**Task brief**
The answer must be the number of lines in the listing below that contain "IfcBuildingStorey", and nothing else.

**Data to use**
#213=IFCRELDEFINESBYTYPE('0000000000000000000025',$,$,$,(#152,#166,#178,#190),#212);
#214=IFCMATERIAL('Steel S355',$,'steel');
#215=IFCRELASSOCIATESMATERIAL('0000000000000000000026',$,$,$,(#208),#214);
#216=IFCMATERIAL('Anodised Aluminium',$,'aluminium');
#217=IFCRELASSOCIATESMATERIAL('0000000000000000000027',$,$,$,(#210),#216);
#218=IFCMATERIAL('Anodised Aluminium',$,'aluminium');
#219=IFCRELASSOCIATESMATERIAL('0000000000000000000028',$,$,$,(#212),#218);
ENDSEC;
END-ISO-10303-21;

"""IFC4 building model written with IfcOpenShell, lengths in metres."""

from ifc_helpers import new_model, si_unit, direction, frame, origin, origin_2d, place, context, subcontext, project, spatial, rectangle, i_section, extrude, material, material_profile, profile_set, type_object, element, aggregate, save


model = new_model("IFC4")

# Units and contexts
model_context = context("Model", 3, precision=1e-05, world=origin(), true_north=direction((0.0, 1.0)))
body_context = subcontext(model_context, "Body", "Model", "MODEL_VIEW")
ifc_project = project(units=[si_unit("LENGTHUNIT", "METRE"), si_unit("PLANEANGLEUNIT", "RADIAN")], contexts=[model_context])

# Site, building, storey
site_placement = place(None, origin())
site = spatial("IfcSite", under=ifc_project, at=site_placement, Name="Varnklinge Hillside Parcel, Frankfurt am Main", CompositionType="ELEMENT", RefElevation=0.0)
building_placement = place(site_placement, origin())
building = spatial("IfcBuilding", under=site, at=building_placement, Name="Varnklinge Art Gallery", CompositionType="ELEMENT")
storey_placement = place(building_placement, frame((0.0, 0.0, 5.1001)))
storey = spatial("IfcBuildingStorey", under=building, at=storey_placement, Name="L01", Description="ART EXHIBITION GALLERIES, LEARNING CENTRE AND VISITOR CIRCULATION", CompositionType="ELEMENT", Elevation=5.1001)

---

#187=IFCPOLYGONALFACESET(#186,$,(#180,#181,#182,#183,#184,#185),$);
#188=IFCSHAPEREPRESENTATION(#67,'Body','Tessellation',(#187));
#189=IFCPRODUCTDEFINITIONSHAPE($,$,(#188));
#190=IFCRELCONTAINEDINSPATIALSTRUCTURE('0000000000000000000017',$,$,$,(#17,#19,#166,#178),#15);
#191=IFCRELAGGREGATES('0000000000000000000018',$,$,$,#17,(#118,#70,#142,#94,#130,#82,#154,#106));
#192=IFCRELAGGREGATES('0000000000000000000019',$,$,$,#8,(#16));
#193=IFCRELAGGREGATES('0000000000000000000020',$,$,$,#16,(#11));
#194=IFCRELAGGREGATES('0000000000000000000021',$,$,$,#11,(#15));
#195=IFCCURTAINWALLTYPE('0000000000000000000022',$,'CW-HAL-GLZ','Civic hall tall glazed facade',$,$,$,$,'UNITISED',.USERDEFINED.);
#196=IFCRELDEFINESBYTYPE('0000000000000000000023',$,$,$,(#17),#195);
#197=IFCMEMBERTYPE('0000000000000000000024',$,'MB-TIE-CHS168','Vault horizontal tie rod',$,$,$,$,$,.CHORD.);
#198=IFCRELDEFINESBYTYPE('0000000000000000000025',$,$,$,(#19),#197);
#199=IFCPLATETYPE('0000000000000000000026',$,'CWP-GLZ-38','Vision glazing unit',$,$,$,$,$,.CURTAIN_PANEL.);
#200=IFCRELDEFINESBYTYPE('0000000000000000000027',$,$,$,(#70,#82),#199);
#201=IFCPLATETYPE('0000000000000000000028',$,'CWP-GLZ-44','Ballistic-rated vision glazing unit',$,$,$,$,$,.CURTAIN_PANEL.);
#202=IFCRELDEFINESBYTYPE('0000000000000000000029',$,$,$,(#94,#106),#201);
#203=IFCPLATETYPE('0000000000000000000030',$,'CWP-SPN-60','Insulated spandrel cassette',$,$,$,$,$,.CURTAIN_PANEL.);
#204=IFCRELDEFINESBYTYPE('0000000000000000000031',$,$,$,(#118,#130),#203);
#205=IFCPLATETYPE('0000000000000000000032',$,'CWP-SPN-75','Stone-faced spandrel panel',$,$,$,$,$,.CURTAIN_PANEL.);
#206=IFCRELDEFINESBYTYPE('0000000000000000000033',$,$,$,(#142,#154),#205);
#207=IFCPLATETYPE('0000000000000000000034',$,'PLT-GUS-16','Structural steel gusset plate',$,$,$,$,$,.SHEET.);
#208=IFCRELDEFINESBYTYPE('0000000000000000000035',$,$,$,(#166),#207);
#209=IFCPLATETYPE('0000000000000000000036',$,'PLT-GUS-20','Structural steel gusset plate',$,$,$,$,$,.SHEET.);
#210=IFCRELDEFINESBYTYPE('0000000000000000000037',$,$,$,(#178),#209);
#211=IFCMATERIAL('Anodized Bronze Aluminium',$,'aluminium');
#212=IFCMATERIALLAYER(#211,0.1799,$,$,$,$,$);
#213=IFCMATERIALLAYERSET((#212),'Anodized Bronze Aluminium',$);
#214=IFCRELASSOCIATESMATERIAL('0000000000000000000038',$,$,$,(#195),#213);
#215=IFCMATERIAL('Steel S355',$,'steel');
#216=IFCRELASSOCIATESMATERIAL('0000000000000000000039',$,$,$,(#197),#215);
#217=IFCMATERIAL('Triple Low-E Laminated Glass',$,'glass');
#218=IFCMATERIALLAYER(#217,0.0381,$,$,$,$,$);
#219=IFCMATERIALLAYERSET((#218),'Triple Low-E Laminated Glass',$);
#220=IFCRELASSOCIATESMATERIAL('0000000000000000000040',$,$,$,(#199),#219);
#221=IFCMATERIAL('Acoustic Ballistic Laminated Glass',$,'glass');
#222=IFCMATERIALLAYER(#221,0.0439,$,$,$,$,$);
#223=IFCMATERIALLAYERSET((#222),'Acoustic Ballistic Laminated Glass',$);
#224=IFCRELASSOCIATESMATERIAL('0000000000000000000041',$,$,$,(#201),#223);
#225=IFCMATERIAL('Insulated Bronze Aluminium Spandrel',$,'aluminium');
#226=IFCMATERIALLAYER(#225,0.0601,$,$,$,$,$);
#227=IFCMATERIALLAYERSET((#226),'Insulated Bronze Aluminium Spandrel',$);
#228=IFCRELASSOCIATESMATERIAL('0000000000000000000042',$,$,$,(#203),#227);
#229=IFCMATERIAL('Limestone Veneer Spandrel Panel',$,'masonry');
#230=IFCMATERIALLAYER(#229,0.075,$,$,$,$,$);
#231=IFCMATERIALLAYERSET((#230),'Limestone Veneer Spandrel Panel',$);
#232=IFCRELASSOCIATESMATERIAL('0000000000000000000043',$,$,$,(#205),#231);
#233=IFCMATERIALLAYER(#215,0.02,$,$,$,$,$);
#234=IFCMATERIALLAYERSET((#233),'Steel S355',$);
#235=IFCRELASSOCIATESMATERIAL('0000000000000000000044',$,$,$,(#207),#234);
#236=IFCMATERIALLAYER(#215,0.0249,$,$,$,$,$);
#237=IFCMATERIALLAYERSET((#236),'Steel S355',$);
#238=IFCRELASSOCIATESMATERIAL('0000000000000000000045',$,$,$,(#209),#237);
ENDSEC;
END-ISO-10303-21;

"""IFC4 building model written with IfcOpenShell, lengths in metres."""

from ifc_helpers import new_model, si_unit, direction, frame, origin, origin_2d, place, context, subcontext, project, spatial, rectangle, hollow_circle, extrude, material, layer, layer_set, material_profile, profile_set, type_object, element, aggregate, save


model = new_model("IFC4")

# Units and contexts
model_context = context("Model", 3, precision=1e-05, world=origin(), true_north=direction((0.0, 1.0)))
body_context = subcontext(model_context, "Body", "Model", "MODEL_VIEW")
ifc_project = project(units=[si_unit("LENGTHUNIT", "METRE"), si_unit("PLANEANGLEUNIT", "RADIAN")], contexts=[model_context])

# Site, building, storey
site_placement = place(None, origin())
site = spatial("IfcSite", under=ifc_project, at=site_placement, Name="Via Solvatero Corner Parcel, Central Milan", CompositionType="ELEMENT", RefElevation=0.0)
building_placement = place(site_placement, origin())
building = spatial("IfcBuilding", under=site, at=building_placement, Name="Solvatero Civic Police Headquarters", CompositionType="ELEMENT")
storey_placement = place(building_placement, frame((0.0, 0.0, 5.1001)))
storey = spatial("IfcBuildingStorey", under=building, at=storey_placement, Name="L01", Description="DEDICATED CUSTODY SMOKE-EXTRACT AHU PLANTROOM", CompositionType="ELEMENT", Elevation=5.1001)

**Solution**
2